**** Source material ****
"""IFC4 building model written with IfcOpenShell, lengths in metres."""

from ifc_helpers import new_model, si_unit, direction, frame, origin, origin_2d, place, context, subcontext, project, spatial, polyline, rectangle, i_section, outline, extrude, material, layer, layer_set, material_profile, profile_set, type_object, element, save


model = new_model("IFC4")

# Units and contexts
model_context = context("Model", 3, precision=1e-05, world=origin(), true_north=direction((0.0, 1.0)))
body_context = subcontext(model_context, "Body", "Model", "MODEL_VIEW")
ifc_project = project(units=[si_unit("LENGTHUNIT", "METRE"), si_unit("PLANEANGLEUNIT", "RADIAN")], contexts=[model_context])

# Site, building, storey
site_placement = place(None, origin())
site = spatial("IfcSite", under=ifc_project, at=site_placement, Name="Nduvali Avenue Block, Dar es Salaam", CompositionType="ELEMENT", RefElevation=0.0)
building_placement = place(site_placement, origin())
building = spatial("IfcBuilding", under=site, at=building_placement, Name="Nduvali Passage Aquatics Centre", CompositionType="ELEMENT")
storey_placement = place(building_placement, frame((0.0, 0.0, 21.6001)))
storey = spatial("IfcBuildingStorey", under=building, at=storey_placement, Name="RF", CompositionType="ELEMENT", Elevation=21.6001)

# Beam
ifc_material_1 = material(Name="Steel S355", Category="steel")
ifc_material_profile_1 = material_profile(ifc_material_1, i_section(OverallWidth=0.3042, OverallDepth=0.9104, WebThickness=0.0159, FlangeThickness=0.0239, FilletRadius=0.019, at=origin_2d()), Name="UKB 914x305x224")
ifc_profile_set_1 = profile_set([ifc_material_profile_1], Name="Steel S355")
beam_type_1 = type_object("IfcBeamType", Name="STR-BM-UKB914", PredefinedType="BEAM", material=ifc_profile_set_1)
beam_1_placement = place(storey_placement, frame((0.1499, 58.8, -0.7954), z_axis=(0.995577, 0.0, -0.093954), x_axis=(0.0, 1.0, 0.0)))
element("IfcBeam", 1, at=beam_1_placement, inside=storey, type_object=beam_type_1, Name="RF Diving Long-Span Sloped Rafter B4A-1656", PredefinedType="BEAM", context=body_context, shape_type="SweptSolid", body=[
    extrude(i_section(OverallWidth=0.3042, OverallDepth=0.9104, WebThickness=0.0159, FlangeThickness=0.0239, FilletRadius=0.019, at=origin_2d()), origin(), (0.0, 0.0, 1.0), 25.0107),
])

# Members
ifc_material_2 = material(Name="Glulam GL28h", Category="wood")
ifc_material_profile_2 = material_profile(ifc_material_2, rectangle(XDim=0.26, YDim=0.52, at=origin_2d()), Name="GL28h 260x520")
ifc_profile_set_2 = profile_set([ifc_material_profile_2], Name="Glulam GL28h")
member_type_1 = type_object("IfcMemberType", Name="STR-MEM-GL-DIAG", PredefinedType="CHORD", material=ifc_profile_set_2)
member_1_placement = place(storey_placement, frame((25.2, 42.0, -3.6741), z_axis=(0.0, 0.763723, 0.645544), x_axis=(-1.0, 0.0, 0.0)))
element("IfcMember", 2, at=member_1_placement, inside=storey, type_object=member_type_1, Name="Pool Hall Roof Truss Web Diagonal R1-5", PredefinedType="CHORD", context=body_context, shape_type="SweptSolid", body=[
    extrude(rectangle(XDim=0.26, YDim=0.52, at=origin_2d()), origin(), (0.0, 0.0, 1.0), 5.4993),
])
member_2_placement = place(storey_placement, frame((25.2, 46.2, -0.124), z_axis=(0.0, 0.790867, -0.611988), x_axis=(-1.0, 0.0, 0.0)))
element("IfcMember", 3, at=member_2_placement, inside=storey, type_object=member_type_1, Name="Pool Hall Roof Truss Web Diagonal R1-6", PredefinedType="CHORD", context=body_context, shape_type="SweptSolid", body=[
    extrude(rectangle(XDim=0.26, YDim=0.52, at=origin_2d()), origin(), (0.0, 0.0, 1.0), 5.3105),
****
**** Source material ****
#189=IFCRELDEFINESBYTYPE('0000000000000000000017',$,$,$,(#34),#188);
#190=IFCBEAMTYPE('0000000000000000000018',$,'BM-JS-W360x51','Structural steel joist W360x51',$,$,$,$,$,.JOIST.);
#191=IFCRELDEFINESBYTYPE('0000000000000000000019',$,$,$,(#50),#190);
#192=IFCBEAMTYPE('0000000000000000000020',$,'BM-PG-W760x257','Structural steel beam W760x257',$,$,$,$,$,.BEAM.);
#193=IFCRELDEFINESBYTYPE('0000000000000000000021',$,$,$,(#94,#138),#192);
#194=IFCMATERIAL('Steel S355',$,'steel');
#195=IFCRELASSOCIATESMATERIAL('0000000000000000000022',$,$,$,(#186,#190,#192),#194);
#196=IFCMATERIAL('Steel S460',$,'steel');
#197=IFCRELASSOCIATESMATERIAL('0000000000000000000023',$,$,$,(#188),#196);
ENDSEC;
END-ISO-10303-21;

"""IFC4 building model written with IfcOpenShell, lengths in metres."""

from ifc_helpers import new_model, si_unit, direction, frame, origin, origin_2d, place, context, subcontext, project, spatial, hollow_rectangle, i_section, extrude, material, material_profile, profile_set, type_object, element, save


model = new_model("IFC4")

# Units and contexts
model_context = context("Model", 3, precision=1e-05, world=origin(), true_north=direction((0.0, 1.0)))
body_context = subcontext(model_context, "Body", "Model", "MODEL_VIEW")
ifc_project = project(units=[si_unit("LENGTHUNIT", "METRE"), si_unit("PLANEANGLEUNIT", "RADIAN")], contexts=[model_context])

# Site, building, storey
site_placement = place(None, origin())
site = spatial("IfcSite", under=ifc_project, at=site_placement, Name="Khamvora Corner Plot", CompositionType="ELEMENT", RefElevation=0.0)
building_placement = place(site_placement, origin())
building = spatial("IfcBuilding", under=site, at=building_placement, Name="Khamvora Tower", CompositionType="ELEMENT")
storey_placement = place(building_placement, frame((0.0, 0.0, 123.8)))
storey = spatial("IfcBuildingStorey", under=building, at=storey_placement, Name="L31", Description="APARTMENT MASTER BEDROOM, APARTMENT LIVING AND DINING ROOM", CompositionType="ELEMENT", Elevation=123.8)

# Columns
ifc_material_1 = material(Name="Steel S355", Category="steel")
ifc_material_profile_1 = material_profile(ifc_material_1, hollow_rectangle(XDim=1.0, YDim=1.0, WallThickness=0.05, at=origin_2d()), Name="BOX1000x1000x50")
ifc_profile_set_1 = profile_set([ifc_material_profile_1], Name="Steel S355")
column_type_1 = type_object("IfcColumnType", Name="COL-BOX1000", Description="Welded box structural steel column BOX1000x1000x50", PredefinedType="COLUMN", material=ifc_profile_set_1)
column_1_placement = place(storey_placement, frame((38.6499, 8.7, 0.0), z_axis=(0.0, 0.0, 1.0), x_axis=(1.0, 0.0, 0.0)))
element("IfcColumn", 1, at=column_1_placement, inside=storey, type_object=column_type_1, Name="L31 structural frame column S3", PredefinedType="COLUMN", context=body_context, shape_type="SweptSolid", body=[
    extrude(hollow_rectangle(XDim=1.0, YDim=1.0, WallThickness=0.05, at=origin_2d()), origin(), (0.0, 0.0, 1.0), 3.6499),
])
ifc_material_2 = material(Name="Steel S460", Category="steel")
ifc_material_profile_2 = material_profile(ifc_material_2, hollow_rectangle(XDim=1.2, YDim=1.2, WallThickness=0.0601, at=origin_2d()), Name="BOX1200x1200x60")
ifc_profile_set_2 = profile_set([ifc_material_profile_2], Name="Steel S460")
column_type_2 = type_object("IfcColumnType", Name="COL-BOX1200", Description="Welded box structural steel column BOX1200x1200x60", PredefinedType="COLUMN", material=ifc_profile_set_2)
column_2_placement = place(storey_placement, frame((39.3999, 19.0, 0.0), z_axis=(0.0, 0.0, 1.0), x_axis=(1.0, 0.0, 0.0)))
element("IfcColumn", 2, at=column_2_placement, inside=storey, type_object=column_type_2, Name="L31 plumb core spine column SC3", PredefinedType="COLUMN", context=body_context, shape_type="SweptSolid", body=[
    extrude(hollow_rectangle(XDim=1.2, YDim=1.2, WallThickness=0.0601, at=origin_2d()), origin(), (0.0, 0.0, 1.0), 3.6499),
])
****
■ **Exercise**: Whenever the string "RefElevation" shows up in a line of the entries, copy that line.

■ **Task output**:
site = spatial("IfcSite", under=ifc_project, at=site_placement, Name="Nduvali Avenue Block, Dar es Salaam", CompositionType="ELEMENT", RefElevation=0.0)
site = spatial("IfcSite", under=ifc_project, at=site_placement, Name="Khamvora Corner Plot", CompositionType="ELEMENT", RefElevation=0.0)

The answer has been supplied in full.